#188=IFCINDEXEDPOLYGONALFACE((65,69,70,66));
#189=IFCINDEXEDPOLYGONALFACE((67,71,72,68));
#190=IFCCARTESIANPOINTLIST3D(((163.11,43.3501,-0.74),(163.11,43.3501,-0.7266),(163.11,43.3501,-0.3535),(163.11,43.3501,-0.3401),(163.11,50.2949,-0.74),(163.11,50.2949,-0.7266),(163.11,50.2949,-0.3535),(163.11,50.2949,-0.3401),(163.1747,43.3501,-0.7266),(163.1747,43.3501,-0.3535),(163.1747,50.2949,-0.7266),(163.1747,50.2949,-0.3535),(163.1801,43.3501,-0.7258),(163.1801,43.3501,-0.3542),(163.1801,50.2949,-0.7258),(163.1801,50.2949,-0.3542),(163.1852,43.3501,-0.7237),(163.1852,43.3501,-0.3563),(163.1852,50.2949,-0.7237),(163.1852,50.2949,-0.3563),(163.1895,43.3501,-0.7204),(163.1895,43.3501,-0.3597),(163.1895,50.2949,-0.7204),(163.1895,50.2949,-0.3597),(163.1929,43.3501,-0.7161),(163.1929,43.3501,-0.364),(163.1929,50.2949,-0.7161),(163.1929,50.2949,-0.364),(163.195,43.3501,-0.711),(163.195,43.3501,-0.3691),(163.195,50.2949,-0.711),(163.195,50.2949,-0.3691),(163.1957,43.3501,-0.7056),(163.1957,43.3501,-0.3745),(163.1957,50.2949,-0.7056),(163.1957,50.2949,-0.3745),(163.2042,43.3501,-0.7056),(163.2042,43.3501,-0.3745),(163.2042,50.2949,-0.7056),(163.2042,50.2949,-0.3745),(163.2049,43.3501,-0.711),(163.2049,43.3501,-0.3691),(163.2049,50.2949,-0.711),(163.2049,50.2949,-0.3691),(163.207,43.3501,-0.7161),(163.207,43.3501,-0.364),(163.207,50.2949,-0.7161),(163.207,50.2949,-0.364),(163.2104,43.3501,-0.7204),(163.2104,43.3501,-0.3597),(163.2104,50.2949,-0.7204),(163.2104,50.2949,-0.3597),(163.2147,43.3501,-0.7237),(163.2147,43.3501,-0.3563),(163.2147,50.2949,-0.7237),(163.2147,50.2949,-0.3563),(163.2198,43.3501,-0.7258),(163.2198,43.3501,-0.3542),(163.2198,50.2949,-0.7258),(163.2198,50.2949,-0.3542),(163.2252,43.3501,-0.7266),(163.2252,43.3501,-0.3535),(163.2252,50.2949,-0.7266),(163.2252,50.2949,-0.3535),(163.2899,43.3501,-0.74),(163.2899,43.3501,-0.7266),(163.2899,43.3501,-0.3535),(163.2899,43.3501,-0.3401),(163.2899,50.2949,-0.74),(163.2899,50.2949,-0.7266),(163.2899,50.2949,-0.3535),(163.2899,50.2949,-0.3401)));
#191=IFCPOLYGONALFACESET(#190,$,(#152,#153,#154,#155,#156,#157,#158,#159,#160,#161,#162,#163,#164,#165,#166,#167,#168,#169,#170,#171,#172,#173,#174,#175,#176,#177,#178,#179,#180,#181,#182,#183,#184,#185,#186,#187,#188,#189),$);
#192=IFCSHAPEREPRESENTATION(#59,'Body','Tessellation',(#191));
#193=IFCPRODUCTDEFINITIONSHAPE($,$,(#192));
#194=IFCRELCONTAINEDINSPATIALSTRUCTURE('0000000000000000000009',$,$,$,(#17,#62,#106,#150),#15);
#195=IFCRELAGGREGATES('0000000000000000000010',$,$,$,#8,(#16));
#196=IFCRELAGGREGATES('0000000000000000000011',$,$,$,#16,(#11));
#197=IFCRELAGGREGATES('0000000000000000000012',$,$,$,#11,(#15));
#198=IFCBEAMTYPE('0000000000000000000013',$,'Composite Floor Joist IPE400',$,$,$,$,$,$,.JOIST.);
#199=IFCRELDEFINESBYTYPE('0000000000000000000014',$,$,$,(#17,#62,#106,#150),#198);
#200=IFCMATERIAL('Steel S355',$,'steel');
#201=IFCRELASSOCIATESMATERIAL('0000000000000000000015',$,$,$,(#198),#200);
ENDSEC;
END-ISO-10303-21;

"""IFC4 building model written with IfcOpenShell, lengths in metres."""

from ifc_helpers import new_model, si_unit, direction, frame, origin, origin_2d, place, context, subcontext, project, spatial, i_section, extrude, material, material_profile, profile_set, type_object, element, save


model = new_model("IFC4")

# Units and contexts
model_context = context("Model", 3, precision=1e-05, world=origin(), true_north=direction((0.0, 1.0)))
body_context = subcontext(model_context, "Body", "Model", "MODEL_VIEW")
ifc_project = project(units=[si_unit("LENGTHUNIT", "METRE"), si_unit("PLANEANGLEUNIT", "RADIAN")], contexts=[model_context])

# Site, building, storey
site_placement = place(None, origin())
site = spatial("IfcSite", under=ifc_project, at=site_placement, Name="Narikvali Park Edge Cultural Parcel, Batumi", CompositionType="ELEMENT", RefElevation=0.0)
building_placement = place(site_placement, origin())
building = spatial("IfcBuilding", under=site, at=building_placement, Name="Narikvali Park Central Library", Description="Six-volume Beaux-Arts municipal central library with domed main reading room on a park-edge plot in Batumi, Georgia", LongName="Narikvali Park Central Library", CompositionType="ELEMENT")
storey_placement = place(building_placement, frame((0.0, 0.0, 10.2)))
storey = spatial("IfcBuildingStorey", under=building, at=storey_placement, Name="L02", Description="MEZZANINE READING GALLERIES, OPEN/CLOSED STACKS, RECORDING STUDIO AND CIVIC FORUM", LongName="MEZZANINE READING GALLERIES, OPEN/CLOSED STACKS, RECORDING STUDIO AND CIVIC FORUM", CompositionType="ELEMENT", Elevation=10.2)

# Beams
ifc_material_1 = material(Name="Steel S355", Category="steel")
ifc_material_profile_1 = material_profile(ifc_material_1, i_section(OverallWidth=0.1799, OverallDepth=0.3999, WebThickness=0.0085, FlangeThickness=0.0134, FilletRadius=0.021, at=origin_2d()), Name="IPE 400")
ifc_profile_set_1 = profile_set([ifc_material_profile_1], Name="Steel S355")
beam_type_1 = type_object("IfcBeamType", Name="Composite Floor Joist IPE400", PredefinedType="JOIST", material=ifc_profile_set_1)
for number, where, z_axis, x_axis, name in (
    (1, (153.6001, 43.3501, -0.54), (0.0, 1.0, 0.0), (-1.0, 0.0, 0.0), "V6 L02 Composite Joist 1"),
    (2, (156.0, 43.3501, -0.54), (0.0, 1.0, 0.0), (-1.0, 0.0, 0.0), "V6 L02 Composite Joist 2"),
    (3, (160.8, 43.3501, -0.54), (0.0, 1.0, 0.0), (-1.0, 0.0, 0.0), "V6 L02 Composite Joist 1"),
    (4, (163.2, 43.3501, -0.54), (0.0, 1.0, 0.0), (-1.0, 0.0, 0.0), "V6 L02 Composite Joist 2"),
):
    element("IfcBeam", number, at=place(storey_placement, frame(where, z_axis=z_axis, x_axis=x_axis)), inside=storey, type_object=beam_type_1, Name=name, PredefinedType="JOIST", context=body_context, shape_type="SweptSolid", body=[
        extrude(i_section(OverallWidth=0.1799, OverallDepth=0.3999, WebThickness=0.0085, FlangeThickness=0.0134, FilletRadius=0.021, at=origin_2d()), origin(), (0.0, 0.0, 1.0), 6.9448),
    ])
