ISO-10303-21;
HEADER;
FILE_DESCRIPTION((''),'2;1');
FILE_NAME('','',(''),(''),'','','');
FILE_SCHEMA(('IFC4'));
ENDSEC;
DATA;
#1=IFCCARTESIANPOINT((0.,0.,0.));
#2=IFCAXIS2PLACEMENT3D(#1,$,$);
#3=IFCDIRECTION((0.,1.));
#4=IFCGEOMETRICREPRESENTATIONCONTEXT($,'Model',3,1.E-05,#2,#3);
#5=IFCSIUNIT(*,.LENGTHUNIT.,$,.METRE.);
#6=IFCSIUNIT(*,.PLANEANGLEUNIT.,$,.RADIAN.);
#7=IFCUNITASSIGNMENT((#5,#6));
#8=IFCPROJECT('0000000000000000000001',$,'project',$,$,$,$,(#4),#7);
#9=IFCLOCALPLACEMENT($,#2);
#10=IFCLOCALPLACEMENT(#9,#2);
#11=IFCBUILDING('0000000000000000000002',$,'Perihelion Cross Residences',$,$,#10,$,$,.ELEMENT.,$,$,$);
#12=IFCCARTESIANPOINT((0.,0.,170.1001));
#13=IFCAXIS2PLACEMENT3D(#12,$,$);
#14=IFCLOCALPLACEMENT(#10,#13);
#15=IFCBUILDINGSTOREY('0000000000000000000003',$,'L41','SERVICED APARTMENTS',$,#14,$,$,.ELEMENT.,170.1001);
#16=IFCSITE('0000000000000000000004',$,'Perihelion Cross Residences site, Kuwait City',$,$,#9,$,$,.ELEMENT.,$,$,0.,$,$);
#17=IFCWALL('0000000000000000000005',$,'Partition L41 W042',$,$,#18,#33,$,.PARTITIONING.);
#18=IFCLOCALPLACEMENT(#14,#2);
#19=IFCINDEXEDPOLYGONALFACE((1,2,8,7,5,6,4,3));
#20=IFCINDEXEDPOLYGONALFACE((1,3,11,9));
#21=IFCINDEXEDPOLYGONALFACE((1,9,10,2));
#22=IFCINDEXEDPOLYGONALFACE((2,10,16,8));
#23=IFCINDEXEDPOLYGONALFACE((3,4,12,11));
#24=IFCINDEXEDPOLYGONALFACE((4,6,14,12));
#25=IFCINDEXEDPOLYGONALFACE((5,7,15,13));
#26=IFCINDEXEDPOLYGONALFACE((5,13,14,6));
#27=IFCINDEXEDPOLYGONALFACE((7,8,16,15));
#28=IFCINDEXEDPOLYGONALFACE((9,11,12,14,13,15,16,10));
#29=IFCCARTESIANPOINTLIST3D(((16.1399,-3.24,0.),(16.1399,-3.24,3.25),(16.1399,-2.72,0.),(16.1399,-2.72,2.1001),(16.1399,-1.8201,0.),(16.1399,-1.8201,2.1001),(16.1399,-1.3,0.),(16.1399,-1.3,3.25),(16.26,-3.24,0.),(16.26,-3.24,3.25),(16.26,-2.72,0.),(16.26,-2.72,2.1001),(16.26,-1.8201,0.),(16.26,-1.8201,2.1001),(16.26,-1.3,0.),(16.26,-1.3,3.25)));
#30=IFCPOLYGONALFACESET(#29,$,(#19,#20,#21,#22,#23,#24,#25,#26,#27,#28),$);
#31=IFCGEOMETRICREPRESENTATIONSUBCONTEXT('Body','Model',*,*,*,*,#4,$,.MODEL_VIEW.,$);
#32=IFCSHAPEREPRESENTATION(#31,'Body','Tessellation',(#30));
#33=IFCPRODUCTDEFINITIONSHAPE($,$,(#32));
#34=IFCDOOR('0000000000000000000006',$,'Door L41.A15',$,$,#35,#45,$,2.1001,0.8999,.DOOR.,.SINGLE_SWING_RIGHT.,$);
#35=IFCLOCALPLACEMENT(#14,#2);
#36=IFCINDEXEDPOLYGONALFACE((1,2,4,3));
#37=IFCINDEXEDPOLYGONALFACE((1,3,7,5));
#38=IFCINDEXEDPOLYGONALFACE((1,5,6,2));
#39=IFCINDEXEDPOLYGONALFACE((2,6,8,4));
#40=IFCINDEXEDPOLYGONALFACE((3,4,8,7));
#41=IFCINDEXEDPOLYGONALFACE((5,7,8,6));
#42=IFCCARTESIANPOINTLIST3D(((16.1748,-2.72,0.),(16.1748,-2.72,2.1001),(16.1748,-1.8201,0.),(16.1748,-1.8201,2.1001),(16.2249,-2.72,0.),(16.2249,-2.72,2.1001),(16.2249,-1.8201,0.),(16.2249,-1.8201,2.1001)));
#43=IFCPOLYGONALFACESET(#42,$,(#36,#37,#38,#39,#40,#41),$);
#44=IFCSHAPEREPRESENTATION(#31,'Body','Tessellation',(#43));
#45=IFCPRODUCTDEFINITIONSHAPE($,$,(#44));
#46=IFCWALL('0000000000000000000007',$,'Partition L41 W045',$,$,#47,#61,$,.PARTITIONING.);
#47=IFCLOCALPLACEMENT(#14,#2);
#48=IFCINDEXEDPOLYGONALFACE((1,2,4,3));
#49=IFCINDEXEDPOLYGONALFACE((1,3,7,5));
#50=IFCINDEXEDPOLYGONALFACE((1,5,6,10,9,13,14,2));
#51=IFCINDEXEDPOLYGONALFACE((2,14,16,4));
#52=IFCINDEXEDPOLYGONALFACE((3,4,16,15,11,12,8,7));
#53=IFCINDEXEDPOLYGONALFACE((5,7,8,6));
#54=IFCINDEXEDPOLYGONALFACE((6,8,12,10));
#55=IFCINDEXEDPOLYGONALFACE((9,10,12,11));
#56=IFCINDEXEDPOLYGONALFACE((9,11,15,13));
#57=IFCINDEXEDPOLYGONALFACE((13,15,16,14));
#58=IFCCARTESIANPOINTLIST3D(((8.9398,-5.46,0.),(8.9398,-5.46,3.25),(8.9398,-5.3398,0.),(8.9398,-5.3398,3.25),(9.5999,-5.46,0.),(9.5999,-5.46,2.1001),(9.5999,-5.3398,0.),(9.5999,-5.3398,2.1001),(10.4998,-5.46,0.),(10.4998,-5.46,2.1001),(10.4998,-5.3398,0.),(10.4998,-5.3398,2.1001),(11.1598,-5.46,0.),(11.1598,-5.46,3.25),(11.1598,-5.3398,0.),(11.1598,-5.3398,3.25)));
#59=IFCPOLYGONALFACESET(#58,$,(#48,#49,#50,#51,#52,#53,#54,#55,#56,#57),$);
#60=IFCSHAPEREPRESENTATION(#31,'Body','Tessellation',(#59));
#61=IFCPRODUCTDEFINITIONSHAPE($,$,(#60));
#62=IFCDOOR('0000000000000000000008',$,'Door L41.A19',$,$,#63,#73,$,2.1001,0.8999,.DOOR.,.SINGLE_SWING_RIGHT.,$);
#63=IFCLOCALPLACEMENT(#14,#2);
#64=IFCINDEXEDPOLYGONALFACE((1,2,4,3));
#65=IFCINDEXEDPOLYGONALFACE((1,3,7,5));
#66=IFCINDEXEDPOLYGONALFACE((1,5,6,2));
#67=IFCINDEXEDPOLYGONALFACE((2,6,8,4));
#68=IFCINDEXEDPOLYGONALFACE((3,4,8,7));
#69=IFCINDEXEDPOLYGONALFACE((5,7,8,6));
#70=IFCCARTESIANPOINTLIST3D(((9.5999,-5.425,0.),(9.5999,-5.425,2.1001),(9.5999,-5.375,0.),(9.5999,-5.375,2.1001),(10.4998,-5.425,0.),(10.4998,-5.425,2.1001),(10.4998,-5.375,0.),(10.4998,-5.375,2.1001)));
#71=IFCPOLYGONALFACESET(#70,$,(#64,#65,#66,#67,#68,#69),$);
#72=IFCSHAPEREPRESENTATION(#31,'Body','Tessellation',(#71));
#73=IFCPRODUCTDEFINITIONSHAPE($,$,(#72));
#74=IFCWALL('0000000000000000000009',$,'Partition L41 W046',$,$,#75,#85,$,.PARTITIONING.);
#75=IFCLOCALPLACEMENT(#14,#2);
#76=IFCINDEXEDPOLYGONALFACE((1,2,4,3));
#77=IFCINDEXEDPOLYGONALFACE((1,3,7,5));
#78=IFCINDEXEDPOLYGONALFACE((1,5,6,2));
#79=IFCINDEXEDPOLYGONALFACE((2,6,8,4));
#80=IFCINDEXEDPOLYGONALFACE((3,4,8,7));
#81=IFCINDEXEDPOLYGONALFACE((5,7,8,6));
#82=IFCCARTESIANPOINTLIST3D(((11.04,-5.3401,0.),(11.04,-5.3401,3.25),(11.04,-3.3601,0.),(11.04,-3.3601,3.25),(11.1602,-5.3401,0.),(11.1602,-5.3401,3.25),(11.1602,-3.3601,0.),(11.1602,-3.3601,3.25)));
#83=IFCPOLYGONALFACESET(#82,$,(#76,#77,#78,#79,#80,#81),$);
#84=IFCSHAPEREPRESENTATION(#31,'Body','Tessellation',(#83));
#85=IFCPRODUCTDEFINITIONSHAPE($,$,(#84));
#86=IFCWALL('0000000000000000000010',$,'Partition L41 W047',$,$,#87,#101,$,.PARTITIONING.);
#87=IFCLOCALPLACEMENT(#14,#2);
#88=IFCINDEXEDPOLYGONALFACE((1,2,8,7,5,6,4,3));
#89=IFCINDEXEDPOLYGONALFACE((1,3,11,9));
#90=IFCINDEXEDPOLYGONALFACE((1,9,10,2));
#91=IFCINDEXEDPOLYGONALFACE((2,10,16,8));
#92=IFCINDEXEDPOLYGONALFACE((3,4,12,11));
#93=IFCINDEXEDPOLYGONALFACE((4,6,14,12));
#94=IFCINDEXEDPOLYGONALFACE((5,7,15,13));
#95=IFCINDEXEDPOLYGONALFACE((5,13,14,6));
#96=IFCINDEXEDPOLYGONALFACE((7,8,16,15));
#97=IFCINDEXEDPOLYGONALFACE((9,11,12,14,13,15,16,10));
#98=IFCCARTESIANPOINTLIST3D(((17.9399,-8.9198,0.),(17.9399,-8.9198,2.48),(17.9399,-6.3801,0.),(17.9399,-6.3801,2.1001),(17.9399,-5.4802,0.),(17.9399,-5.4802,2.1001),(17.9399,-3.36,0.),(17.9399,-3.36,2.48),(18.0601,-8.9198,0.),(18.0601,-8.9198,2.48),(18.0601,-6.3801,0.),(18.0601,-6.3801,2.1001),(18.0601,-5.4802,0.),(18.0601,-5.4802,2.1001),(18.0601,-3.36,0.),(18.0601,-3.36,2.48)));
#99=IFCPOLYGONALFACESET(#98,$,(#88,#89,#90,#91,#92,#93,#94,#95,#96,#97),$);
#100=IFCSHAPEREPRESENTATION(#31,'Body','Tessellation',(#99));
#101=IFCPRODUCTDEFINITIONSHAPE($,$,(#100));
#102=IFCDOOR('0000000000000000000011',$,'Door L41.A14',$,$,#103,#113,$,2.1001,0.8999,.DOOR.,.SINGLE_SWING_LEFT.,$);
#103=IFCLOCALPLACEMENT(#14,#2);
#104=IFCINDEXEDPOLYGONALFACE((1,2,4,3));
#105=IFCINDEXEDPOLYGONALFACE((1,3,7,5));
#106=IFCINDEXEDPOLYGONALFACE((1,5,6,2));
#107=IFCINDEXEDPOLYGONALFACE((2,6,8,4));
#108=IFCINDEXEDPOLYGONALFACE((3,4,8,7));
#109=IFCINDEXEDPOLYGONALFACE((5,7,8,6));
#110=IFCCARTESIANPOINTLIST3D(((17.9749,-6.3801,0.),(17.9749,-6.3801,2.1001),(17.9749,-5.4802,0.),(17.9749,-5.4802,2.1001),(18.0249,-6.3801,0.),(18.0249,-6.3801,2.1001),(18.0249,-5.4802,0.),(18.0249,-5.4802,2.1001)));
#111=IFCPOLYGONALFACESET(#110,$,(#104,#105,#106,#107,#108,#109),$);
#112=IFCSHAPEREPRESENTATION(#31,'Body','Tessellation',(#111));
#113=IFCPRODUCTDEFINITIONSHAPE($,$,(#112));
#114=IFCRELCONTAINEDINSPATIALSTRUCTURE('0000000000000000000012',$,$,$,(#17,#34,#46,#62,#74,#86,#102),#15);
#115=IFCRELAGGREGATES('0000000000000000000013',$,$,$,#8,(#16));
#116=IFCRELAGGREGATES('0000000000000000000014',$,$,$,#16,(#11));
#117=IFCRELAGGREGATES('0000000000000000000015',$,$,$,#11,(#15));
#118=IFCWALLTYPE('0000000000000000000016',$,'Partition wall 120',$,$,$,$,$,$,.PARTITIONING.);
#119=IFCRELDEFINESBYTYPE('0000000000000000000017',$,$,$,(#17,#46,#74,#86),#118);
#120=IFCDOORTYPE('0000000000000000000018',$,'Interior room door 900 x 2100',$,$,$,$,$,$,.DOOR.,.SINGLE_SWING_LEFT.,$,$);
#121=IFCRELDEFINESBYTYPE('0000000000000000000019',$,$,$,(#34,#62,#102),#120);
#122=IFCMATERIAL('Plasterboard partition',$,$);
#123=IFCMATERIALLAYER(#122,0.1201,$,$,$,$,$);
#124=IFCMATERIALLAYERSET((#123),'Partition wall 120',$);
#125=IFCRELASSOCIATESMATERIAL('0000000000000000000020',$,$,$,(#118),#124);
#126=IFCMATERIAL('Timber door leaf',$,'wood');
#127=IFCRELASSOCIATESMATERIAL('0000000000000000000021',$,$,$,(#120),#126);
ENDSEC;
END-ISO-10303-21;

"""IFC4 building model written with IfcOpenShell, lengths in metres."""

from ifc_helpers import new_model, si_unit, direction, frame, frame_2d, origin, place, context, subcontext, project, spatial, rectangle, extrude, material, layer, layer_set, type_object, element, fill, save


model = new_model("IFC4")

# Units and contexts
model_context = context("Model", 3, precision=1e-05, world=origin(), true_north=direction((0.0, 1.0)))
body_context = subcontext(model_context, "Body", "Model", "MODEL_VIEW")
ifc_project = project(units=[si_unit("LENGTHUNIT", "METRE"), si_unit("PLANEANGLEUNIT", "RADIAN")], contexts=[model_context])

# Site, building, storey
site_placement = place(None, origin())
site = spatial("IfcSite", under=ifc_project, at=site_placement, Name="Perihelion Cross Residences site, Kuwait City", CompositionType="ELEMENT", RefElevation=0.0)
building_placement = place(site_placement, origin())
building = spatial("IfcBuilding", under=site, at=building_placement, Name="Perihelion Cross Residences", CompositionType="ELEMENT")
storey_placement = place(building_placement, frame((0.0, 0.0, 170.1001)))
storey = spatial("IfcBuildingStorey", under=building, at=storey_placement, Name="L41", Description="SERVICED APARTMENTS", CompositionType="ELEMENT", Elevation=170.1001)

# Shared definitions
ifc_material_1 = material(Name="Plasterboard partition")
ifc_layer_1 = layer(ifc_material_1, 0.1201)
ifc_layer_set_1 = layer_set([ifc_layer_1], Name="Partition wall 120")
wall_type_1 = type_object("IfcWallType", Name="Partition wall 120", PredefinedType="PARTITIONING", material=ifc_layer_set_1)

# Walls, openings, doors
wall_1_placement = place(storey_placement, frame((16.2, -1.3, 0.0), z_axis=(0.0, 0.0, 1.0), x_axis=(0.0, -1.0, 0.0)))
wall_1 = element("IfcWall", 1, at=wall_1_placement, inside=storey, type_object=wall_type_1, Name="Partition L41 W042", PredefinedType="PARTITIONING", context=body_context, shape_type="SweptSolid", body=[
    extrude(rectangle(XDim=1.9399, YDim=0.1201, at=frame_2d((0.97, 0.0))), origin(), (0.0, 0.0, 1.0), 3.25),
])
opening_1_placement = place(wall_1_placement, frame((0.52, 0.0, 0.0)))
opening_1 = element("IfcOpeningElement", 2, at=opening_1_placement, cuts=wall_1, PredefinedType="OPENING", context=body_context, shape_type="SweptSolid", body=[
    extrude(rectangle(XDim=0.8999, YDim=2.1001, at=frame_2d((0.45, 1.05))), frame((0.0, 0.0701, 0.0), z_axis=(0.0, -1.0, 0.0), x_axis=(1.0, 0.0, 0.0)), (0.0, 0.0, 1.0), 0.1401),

Problem to work on>
Of all the entries above, retype exactly the lines from the line with "#18=IFCLOCALPLACEMENT(#14,#2);" to the line with "#55=IFCINDEXEDPOLYGONALFACE((9,10,12,11));", both included, and no others.

Response>
#18=IFCLOCALPLACEMENT(#14,#2);
#19=IFCINDEXEDPOLYGONALFACE((1,2,8,7,5,6,4,3));
#20=IFCINDEXEDPOLYGONALFACE((1,3,11,9));
#21=IFCINDEXEDPOLYGONALFACE((1,9,10,2));
#22=IFCINDEXEDPOLYGONALFACE((2,10,16,8));
#23=IFCINDEXEDPOLYGONALFACE((3,4,12,11));
#24=IFCINDEXEDPOLYGONALFACE((4,6,14,12));
#25=IFCINDEXEDPOLYGONALFACE((5,7,15,13));
#26=IFCINDEXEDPOLYGONALFACE((5,13,14,6));
#27=IFCINDEXEDPOLYGONALFACE((7,8,16,15));
#28=IFCINDEXEDPOLYGONALFACE((9,11,12,14,13,15,16,10));
#29=IFCCARTESIANPOINTLIST3D(((16.1399,-3.24,0.),(16.1399,-3.24,3.25),(16.1399,-2.72,0.),(16.1399,-2.72,2.1001),(16.1399,-1.8201,0.),(16.1399,-1.8201,2.1001),(16.1399,-1.3,0.),(16.1399,-1.3,3.25),(16.26,-3.24,0.),(16.26,-3.24,3.25),(16.26,-2.72,0.),(16.26,-2.72,2.1001),(16.26,-1.8201,0.),(16.26,-1.8201,2.1001),(16.26,-1.3,0.),(16.26,-1.3,3.25)));
#30=IFCPOLYGONALFACESET(#29,$,(#19,#20,#21,#22,#23,#24,#25,#26,#27,#28),$);
#31=IFCGEOMETRICREPRESENTATIONSUBCONTEXT('Body','Model',*,*,*,*,#4,$,.MODEL_VIEW.,$);
#32=IFCSHAPEREPRESENTATION(#31,'Body','Tessellation',(#30));
#33=IFCPRODUCTDEFINITIONSHAPE($,$,(#32));
#34=IFCDOOR('0000000000000000000006',$,'Door L41.A15',$,$,#35,#45,$,2.1001,0.8999,.DOOR.,.SINGLE_SWING_RIGHT.,$);
#35=IFCLOCALPLACEMENT(#14,#2);
#36=IFCINDEXEDPOLYGONALFACE((1,2,4,3));
#37=IFCINDEXEDPOLYGONALFACE((1,3,7,5));
#38=IFCINDEXEDPOLYGONALFACE((1,5,6,2));
#39=IFCINDEXEDPOLYGONALFACE((2,6,8,4));
#40=IFCINDEXEDPOLYGONALFACE((3,4,8,7));
#41=IFCINDEXEDPOLYGONALFACE((5,7,8,6));
#42=IFCCARTESIANPOINTLIST3D(((16.1748,-2.72,0.),(16.1748,-2.72,2.1001),(16.1748,-1.8201,0.),(16.1748,-1.8201,2.1001),(16.2249,-2.72,0.),(16.2249,-2.72,2.1001),(16.2249,-1.8201,0.),(16.2249,-1.8201,2.1001)));
#43=IFCPOLYGONALFACESET(#42,$,(#36,#37,#38,#39,#40,#41),$);
#44=IFCSHAPEREPRESENTATION(#31,'Body','Tessellation',(#43));
#45=IFCPRODUCTDEFINITIONSHAPE($,$,(#44));
#46=IFCWALL('0000000000000000000007',$,'Partition L41 W045',$,$,#47,#61,$,.PARTITIONING.);
#47=IFCLOCALPLACEMENT(#14,#2);
#48=IFCINDEXEDPOLYGONALFACE((1,2,4,3));
#49=IFCINDEXEDPOLYGONALFACE((1,3,7,5));
#50=IFCINDEXEDPOLYGONALFACE((1,5,6,10,9,13,14,2));
#51=IFCINDEXEDPOLYGONALFACE((2,14,16,4));
#52=IFCINDEXEDPOLYGONALFACE((3,4,16,15,11,12,8,7));
#53=IFCINDEXEDPOLYGONALFACE((5,7,8,6));
#54=IFCINDEXEDPOLYGONALFACE((6,8,12,10));
#55=IFCINDEXEDPOLYGONALFACE((9,10,12,11));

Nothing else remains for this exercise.